▶ [About this task]: Output only the lines below that start at the line containing "return made_of(rooted(cls, **own), material)" and end at the line containing "at: its placement.", with both ends kept.

┄┄┄┄┄┄

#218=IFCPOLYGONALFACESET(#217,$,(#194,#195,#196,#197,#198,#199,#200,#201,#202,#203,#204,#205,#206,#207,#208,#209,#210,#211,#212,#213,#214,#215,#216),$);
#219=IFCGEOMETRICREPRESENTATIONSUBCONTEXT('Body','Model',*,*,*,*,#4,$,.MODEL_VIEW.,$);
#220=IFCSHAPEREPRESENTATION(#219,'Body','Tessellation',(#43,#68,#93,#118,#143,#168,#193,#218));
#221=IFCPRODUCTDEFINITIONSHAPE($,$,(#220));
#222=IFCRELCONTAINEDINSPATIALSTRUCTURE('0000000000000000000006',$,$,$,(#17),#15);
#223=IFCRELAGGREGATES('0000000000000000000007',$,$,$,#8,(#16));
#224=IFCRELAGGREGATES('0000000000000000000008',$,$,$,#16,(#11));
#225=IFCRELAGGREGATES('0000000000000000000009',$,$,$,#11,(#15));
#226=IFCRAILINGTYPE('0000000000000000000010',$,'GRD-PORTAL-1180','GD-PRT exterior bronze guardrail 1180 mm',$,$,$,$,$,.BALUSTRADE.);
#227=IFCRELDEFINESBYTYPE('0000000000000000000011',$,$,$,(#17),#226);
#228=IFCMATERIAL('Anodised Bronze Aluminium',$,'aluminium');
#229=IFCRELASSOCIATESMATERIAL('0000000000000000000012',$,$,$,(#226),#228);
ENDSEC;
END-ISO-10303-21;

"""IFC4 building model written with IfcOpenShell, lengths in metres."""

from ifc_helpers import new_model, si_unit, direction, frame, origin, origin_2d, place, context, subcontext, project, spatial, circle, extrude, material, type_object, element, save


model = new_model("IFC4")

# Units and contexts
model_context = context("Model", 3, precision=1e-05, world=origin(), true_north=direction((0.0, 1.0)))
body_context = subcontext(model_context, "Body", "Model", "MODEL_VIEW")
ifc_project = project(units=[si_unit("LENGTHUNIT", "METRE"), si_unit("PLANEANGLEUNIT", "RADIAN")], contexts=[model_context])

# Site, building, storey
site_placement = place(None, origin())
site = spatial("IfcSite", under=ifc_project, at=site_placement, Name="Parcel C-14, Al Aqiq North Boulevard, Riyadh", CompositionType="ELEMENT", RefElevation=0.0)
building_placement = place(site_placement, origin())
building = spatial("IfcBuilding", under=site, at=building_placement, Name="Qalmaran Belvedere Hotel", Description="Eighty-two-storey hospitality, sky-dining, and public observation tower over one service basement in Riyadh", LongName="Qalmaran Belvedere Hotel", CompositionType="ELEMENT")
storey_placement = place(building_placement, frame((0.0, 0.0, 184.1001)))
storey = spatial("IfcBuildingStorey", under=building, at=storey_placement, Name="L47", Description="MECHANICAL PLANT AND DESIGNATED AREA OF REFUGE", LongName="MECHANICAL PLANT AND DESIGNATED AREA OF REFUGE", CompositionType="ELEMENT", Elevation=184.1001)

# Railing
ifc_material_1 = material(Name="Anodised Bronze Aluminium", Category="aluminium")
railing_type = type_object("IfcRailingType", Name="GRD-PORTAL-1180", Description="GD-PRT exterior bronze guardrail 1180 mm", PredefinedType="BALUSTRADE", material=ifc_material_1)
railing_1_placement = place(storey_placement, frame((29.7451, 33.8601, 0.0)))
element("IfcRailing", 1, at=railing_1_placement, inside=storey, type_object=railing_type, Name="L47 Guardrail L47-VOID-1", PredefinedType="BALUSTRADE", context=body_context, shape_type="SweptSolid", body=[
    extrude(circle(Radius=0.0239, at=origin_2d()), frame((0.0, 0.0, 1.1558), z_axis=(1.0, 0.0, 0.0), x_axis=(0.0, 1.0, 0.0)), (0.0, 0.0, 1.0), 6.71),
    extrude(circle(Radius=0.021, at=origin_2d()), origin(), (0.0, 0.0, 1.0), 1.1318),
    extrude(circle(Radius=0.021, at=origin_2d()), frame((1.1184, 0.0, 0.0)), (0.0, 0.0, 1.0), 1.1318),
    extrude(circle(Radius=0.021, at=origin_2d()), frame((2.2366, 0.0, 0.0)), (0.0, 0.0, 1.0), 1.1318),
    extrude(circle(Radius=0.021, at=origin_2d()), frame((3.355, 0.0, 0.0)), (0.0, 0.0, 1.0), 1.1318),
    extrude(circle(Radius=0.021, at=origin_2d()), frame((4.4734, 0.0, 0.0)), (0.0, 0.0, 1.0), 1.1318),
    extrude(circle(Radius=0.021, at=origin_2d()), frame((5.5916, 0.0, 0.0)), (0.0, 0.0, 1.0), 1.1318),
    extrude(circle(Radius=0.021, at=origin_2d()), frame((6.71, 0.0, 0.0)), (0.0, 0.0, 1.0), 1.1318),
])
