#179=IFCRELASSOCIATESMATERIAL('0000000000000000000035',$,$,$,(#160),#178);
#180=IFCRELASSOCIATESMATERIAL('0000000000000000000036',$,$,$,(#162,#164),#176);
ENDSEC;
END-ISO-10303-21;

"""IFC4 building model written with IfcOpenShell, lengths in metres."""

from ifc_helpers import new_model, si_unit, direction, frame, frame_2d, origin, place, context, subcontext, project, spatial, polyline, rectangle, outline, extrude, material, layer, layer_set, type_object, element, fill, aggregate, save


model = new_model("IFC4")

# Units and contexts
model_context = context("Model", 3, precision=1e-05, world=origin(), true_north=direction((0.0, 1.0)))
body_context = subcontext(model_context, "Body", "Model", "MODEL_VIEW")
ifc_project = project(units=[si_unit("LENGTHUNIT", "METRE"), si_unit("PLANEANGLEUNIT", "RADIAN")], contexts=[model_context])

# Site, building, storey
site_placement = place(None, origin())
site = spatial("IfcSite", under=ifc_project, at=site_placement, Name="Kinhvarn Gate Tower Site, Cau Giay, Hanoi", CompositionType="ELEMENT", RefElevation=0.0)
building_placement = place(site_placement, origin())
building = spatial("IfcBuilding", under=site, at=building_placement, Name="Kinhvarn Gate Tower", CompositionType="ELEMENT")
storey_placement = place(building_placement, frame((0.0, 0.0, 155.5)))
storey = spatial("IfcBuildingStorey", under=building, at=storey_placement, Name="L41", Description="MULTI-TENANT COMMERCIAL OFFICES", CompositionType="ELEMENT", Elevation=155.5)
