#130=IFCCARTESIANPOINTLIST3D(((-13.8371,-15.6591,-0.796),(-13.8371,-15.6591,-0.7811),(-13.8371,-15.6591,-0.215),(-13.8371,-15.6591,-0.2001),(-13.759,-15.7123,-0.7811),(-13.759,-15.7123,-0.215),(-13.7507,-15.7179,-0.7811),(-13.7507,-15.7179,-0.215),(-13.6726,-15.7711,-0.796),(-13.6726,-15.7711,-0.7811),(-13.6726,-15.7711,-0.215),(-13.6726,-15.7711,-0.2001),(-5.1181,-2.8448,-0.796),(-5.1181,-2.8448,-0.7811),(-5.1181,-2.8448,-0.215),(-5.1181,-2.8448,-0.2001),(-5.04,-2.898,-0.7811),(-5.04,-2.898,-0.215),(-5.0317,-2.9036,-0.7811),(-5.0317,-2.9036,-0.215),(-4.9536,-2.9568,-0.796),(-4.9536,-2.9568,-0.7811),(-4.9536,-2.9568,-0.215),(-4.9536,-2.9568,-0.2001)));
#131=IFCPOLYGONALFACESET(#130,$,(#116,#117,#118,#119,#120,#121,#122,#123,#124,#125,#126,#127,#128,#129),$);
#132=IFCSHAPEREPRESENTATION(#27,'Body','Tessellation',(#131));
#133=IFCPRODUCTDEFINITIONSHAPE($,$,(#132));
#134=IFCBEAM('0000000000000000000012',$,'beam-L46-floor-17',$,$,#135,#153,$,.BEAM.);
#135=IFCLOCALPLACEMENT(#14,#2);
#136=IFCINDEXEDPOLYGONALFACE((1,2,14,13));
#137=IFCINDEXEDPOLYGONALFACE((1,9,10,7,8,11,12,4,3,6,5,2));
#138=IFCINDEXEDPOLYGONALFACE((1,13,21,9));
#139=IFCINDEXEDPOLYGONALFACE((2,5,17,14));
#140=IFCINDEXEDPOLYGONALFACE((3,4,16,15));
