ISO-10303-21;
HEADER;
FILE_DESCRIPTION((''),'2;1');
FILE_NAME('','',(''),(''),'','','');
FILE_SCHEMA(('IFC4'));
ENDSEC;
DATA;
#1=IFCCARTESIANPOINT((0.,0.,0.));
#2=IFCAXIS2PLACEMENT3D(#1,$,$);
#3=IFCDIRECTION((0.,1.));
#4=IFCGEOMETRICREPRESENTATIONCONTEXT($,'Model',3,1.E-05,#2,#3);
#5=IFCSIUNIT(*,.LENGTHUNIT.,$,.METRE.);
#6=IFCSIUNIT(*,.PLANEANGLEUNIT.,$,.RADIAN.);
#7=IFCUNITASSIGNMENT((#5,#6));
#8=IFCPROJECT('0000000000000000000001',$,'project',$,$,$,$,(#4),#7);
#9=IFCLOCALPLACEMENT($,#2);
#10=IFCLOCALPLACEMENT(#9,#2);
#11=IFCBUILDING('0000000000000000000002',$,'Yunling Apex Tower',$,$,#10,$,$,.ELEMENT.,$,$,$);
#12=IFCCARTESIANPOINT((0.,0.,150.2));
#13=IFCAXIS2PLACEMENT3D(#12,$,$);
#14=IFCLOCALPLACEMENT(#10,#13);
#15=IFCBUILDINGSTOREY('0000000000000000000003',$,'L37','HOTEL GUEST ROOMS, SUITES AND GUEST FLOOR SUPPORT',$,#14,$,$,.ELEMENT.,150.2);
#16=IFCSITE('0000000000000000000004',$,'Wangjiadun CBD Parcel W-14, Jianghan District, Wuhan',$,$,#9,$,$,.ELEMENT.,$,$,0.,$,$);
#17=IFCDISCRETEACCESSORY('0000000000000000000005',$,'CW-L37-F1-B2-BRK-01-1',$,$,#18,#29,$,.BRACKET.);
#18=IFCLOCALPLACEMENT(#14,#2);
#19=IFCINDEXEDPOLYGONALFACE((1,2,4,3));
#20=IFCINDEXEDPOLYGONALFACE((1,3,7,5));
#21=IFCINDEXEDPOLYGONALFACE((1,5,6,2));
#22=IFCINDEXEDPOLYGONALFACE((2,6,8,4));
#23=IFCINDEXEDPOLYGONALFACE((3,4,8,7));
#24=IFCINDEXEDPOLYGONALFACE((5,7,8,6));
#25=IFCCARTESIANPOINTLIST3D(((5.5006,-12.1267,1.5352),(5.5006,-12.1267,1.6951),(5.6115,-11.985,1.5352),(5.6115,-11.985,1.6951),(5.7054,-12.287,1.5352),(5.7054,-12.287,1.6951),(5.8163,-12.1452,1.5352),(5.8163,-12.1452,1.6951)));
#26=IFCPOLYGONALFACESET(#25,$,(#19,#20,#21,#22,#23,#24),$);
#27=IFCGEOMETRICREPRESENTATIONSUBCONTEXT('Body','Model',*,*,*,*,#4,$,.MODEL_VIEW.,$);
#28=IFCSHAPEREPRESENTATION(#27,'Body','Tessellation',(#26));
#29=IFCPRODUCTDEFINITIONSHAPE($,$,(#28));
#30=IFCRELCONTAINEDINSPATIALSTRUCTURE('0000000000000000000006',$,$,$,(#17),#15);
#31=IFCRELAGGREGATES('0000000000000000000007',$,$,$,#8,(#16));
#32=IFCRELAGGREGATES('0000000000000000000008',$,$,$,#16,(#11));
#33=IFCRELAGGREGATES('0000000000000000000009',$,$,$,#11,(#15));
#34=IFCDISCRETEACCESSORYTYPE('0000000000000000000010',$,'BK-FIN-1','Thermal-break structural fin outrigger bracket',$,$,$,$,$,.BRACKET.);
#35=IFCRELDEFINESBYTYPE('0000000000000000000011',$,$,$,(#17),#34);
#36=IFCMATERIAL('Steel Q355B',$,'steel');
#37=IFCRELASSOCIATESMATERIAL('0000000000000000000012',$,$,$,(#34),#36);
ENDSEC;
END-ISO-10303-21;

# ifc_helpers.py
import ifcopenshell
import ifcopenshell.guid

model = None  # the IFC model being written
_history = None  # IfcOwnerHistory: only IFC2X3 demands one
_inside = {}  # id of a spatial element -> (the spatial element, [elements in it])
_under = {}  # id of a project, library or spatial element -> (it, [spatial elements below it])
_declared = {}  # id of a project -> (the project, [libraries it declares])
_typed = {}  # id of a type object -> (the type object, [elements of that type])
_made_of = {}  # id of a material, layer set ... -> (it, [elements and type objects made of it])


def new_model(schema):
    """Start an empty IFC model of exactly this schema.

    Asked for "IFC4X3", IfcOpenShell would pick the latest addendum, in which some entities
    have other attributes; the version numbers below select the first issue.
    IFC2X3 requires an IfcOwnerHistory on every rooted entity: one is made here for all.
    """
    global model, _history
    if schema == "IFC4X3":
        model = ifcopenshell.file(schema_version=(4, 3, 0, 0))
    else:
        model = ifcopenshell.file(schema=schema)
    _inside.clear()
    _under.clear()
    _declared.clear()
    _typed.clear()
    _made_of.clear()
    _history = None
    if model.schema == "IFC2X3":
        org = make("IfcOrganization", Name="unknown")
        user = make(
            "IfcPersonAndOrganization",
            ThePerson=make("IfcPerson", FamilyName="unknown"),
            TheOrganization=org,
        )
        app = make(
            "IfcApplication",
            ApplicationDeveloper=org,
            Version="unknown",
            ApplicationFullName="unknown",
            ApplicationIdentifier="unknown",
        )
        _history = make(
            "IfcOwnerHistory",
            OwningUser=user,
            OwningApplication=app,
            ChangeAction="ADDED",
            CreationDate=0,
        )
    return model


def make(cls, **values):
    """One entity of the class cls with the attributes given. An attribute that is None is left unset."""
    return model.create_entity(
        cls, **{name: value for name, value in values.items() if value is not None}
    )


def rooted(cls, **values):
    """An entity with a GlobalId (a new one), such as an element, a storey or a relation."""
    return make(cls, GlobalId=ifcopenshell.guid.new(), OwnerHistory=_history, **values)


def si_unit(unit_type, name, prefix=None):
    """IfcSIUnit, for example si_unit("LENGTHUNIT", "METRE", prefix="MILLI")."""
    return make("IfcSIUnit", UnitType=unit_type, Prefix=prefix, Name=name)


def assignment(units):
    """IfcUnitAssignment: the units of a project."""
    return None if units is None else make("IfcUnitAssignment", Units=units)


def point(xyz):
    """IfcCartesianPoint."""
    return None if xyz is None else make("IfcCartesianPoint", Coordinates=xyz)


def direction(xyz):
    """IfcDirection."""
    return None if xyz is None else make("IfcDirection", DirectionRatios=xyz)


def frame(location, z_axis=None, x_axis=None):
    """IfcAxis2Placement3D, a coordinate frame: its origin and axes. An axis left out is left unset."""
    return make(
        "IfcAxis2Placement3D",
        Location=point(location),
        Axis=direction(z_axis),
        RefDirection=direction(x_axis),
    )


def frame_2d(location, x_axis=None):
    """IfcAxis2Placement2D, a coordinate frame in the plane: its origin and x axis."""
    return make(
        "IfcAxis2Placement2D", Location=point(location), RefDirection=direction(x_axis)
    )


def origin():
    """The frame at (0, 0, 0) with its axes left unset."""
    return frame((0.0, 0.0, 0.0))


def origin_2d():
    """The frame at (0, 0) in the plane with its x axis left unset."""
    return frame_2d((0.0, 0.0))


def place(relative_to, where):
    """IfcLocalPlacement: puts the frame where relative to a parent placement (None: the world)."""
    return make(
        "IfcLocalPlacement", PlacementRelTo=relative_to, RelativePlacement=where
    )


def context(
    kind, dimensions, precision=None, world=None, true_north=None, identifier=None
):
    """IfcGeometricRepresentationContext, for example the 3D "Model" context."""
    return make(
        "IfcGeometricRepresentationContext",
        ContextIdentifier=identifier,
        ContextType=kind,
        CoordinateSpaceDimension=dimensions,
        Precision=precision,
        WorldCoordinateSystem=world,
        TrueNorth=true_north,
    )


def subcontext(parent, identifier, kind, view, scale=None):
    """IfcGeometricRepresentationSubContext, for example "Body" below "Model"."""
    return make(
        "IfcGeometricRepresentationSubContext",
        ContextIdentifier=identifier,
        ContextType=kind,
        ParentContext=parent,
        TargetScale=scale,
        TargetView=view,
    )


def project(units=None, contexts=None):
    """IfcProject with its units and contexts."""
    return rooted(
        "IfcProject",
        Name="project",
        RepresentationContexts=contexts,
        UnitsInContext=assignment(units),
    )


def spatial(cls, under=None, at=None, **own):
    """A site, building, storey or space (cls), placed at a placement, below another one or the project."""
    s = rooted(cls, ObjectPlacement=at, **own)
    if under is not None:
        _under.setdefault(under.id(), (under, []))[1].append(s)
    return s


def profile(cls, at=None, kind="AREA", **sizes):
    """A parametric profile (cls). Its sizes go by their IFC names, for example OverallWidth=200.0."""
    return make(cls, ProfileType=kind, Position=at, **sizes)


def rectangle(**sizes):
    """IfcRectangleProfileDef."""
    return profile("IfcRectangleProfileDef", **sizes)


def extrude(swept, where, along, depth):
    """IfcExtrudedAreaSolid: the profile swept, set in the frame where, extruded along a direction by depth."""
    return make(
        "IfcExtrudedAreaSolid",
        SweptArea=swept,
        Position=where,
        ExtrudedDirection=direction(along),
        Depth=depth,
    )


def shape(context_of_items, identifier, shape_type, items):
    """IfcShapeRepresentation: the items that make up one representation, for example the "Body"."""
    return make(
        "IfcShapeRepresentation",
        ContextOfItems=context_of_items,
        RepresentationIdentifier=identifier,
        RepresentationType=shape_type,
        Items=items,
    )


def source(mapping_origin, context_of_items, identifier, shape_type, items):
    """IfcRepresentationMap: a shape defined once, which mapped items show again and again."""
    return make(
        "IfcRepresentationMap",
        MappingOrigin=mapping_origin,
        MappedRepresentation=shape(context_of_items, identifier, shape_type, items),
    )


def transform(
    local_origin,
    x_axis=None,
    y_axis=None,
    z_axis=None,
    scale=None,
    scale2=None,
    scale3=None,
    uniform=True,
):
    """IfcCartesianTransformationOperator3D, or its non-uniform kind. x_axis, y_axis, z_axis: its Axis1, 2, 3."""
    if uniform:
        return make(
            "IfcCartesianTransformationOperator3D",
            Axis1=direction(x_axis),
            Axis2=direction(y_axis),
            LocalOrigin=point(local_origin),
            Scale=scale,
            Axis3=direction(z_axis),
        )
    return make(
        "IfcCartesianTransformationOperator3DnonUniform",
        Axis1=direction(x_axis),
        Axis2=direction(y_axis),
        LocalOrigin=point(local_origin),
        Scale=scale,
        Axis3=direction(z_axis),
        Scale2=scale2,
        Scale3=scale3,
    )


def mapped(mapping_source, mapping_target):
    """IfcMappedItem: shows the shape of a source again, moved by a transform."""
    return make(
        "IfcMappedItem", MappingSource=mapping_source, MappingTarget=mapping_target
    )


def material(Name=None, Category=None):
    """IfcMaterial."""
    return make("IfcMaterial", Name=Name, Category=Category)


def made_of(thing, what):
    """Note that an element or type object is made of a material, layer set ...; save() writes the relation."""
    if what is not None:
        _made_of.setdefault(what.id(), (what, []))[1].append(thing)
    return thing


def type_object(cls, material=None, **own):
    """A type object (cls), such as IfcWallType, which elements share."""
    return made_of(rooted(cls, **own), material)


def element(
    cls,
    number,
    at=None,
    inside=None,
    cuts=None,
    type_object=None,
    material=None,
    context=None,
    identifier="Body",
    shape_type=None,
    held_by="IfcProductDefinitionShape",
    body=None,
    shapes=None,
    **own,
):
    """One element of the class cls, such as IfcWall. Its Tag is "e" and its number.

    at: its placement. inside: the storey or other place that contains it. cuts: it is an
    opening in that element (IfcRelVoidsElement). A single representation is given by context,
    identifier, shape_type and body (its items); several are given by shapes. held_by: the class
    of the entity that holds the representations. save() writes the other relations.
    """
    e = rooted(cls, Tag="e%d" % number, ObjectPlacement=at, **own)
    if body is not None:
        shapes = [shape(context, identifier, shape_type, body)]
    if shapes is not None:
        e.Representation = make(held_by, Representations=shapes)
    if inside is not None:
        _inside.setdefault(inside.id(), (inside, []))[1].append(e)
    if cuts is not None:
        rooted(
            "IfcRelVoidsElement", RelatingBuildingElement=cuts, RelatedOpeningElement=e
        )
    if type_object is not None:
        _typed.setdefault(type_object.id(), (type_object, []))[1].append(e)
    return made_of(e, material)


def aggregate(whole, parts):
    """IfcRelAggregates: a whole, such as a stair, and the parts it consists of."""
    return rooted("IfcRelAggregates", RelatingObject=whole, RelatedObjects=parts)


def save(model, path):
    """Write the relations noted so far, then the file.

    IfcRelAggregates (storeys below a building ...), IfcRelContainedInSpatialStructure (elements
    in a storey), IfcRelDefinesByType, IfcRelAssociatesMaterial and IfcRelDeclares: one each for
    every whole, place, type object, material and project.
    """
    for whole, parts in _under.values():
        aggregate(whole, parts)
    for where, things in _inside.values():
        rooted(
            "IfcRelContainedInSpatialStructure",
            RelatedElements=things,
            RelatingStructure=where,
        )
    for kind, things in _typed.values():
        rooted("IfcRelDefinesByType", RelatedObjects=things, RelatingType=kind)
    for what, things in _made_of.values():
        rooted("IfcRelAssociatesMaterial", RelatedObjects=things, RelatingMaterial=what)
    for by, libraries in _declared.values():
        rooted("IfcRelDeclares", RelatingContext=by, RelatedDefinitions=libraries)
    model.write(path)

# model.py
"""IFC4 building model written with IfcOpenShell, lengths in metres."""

from ifc_helpers import new_model, si_unit, direction, frame, origin, origin_2d, place, context, subcontext, project, spatial, rectangle, extrude, source, transform, mapped, material, type_object, element, save


model = new_model("IFC4")

# Units and contexts
model_context = context("Model", 3, precision=1e-05, world=origin(), true_north=direction((0.0, 1.0)))
body_context = subcontext(model_context, "Body", "Model", "MODEL_VIEW")
ifc_project = project(units=[si_unit("LENGTHUNIT", "METRE"), si_unit("PLANEANGLEUNIT", "RADIAN")], contexts=[model_context])

# Site, building, storey
site_placement = place(None, origin())
site = spatial("IfcSite", under=ifc_project, at=site_placement, Name="Wangjiadun CBD Parcel W-14, Jianghan District, Wuhan", CompositionType="ELEMENT", RefElevation=0.0)
building_placement = place(site_placement, origin())
building = spatial("IfcBuilding", under=site, at=building_placement, Name="Yunling Apex Tower", CompositionType="ELEMENT")
storey_placement = place(building_placement, frame((0.0, 0.0, 150.2)))
storey = spatial("IfcBuildingStorey", under=building, at=storey_placement, Name="L37", Description="HOTEL GUEST ROOMS, SUITES AND GUEST FLOOR SUPPORT", CompositionType="ELEMENT", Elevation=150.2)

# Shared definitions
ifc_material_1 = material(Name="Steel Q355B", Category="steel")

# Discrete accessory
discrete_accessory_type = type_object("IfcDiscreteAccessoryType", Name="BK-FIN-1", Description="Thermal-break structural fin outrigger bracket", PredefinedType="BRACKET", material=ifc_material_1)
shared_shape_1 = source(origin(), body_context, "Body", "SweptSolid", [
    extrude(rectangle(XDim=0.1799, YDim=0.26, at=origin_2d()), origin(), (0.0, 0.0, 1.0), 0.1599),
])
discrete_accessory_placement = place(storey_placement, frame((5.6584, -12.136, 1.5352), z_axis=(0.0, 0.0, 1.0), x_axis=(0.616211, 0.787581, 0.0)))
element("IfcDiscreteAccessory", 1, at=discrete_accessory_placement, inside=storey, type_object=discrete_accessory_type, Name="CW-L37-F1-B2-BRK-01-1", PredefinedType="BRACKET", context=body_context, shape_type="MappedRepresentation", body=[
    mapped(shared_shape_1, transform((0.0, 0.0, 0.0), scale=1.0)),
])

save(model, "model.ifc")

┄┄┄┄┄┄

▶ [Result]:
    return made_of(rooted(cls, **own), material)


def element(
    cls,
    number,
    at=None,
    inside=None,
    cuts=None,
    type_object=None,
    material=None,
    context=None,
    identifier="Body",
    shape_type=None,
    held_by="IfcProductDefinitionShape",
    body=None,
    shapes=None,
    **own,
):
    """One element of the class cls, such as IfcWall. Its Tag is "e" and its number.

    at: its placement. inside: the storey or other place that contains it. cuts: it is an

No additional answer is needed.